■ **What is needed**:
Return the line that contains "# Units and contexts" plus every line after it to the end of the entries below, exactly as given, and stop there.

----

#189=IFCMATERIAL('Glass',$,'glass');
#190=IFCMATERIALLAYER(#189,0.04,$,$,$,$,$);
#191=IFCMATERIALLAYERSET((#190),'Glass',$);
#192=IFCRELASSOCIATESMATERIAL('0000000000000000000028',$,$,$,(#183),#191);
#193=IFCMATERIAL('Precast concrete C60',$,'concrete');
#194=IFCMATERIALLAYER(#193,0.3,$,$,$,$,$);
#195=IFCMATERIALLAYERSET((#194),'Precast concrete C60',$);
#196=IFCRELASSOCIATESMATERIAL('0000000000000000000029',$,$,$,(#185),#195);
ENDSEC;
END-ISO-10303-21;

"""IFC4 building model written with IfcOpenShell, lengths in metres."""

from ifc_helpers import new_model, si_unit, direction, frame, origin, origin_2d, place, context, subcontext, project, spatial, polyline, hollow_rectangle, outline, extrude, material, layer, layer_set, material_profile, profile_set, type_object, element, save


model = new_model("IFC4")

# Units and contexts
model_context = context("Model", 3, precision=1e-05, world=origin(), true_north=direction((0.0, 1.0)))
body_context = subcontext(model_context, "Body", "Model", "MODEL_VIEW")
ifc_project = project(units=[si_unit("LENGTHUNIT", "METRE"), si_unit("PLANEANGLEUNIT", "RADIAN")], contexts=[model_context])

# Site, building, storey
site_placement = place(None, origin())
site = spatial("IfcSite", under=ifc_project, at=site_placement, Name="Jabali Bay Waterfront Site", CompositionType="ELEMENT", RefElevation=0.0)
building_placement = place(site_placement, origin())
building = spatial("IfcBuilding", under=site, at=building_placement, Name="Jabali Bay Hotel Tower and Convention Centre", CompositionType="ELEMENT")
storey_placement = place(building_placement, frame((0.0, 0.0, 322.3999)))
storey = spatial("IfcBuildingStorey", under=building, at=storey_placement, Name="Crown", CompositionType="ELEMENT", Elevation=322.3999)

----

■ **Result of this exercise**:
# Units and contexts
model_context = context("Model", 3, precision=1e-05, world=origin(), true_north=direction((0.0, 1.0)))
body_context = subcontext(model_context, "Body", "Model", "MODEL_VIEW")
ifc_project = project(units=[si_unit("LENGTHUNIT", "METRE"), si_unit("PLANEANGLEUNIT", "RADIAN")], contexts=[model_context])

# Site, building, storey
site_placement = place(None, origin())
site = spatial("IfcSite", under=ifc_project, at=site_placement, Name="Jabali Bay Waterfront Site", CompositionType="ELEMENT", RefElevation=0.0)
building_placement = place(site_placement, origin())
building = spatial("IfcBuilding", under=site, at=building_placement, Name="Jabali Bay Hotel Tower and Convention Centre", CompositionType="ELEMENT")
storey_placement = place(building_placement, frame((0.0, 0.0, 322.3999)))
storey = spatial("IfcBuildingStorey", under=building, at=storey_placement, Name="Crown", CompositionType="ELEMENT", Elevation=322.3999)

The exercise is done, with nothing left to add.